Of all the entries below, only the lines from the one with "#112=IFCINDEXEDPOLYGONALFACE((1,2,5,6,3,4,12,11,8,7,10,9));" up to and including the one with "#118=IFCINDEXEDPOLYGONALFACE((4,16,24,12));" are to be duplicated exactly.

Collection entries:

++++++

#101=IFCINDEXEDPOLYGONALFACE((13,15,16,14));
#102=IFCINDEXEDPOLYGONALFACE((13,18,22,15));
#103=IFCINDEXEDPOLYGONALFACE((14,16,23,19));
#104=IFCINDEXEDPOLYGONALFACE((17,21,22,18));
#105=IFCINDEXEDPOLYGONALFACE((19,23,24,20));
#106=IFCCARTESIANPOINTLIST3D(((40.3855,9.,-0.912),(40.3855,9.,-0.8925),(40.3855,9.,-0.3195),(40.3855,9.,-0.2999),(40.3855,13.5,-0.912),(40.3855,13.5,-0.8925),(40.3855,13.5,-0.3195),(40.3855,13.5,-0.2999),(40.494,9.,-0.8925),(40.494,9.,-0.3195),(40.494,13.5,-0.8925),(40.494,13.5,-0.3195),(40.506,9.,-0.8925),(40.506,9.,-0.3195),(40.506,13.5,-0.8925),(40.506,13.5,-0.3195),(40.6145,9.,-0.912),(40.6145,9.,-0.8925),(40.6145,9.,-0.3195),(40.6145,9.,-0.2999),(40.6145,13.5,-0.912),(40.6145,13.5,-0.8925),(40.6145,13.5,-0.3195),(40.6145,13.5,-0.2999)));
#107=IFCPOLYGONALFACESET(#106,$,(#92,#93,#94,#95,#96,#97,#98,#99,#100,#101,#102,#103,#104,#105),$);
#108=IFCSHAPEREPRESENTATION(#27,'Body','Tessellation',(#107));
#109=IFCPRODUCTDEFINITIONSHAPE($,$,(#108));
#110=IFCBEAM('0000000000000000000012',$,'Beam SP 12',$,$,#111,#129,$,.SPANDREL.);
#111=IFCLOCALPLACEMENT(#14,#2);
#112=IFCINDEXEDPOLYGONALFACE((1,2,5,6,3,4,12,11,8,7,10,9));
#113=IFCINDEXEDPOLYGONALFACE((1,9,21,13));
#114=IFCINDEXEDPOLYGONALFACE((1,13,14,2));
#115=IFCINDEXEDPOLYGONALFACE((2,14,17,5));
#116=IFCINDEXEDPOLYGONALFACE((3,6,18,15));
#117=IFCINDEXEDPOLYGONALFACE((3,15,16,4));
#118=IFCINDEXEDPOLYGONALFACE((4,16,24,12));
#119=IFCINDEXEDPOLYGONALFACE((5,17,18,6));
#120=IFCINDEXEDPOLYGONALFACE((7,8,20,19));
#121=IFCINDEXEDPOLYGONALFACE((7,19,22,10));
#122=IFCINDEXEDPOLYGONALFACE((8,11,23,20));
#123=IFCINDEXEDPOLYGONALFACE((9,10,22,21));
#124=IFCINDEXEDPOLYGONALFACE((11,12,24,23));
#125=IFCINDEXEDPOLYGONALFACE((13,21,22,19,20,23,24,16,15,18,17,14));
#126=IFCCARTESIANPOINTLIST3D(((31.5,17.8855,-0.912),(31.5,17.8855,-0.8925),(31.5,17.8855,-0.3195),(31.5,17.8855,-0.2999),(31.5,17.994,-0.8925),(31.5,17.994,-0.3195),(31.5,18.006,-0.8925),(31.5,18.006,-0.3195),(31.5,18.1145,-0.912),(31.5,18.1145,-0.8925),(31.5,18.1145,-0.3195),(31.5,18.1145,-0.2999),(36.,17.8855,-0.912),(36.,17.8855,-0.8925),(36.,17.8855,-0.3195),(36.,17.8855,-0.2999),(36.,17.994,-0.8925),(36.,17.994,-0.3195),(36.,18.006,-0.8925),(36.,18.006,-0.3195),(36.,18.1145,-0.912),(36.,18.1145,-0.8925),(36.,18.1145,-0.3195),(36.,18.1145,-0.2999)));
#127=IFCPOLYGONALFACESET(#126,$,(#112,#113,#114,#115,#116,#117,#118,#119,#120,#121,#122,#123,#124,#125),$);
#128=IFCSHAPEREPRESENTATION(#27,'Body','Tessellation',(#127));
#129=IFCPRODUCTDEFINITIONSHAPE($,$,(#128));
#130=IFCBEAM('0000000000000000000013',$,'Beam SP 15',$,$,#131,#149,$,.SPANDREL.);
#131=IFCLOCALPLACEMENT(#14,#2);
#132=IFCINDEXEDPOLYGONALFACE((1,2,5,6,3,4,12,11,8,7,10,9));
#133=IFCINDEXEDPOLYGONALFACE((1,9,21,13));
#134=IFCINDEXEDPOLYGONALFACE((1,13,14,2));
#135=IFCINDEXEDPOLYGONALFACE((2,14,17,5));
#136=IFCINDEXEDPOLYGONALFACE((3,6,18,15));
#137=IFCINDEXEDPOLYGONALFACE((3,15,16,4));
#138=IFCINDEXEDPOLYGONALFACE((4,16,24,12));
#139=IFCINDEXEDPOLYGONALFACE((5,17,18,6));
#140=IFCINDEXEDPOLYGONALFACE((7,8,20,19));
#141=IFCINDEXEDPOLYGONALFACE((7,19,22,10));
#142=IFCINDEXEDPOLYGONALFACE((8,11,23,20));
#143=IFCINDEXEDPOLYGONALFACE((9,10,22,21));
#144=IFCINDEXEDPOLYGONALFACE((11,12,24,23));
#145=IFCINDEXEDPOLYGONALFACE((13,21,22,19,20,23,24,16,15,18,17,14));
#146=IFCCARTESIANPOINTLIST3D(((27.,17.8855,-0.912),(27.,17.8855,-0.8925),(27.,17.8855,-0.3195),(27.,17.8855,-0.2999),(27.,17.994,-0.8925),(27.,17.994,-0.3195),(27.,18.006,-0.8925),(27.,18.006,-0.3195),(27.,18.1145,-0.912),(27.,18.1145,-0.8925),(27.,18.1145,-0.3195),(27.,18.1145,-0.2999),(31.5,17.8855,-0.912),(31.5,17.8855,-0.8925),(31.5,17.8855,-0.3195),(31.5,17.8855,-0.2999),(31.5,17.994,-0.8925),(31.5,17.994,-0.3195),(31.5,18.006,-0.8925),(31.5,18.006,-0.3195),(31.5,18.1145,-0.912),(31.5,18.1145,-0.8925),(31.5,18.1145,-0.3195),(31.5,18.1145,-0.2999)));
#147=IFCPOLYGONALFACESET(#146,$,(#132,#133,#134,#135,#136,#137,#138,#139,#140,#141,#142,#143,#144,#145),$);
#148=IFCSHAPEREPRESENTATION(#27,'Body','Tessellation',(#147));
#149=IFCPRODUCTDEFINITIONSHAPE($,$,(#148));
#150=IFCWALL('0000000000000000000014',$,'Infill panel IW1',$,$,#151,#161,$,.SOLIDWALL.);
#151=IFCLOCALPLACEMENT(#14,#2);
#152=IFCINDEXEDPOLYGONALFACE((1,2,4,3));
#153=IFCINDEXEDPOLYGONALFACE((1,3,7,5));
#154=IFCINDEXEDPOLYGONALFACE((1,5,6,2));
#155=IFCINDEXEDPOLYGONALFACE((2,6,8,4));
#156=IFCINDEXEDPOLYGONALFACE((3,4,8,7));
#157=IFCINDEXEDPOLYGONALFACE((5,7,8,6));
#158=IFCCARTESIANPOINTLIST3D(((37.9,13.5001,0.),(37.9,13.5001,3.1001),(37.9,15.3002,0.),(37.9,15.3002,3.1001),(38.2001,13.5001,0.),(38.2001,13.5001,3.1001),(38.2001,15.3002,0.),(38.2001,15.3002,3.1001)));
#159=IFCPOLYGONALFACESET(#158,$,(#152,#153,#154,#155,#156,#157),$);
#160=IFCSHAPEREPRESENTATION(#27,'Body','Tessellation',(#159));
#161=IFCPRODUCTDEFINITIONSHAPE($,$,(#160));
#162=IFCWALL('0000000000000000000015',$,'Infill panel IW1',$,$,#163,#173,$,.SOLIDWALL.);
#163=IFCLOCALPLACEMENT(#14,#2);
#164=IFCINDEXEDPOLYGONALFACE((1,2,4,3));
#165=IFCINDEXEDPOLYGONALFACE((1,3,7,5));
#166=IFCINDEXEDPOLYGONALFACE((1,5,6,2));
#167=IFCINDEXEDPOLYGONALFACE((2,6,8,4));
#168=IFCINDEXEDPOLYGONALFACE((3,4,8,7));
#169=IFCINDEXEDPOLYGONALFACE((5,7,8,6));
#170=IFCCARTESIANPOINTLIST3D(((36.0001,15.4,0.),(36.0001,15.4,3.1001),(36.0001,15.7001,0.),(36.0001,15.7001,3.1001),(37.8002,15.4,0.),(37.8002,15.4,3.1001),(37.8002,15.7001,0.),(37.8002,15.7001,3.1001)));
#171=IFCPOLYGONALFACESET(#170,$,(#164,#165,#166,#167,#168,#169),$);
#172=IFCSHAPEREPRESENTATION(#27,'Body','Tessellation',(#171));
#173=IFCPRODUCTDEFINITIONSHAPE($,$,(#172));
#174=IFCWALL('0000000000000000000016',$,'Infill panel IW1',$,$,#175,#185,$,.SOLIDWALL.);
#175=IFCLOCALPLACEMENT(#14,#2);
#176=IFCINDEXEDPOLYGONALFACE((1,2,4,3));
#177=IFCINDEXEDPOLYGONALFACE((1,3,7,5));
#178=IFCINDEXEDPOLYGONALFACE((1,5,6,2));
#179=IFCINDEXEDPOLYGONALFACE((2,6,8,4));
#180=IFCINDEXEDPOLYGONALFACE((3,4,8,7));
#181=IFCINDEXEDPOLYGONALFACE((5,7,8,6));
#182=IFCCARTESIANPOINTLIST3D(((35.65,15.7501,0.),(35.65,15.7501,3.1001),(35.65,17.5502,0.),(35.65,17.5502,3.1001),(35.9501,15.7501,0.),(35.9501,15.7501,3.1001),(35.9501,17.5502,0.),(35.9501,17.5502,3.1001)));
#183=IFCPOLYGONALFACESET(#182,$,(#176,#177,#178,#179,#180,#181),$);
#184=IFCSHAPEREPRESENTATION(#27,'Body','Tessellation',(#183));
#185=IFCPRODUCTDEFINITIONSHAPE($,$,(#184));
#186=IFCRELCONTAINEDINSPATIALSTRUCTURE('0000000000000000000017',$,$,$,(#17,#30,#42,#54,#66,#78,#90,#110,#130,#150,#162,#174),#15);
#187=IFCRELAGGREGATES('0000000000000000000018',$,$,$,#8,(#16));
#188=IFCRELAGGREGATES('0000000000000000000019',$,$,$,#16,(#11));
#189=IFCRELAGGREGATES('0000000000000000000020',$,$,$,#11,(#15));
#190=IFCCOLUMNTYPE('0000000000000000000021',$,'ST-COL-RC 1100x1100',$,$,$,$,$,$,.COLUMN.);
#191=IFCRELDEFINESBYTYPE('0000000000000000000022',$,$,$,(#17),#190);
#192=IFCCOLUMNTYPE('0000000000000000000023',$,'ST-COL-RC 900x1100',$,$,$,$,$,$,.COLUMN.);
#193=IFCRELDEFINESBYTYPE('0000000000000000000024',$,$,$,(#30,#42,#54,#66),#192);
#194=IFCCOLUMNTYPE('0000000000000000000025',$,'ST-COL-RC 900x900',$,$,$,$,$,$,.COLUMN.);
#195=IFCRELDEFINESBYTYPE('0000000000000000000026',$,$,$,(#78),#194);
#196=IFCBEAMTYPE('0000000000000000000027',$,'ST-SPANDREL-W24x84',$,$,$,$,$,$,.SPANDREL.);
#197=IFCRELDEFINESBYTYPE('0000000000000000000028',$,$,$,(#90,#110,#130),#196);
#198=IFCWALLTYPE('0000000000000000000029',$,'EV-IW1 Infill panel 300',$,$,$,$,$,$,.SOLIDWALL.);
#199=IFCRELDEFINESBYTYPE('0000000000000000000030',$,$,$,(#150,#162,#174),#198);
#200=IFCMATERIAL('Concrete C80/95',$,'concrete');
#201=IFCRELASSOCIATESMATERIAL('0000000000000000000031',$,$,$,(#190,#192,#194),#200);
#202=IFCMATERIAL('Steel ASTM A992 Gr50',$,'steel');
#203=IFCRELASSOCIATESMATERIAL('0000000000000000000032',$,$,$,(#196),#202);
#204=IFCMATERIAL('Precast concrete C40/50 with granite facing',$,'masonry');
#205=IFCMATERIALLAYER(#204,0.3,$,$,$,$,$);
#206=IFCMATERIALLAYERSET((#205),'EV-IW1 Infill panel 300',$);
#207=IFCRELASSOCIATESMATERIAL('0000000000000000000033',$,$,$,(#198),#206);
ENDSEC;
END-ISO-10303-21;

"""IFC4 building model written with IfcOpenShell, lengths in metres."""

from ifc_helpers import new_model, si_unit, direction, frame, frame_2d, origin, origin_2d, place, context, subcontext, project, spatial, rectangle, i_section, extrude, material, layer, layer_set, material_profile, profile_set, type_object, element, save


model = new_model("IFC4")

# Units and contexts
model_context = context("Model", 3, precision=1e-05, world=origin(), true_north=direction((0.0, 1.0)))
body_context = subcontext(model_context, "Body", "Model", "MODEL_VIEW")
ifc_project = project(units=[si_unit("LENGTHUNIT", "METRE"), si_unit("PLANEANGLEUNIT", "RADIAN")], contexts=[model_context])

++++++

» **Task solution**:
#112=IFCINDEXEDPOLYGONALFACE((1,2,5,6,3,4,12,11,8,7,10,9));
#113=IFCINDEXEDPOLYGONALFACE((1,9,21,13));
#114=IFCINDEXEDPOLYGONALFACE((1,13,14,2));
#115=IFCINDEXEDPOLYGONALFACE((2,14,17,5));
#116=IFCINDEXEDPOLYGONALFACE((3,6,18,15));
#117=IFCINDEXEDPOLYGONALFACE((3,15,16,4));
#118=IFCINDEXEDPOLYGONALFACE((4,16,24,12));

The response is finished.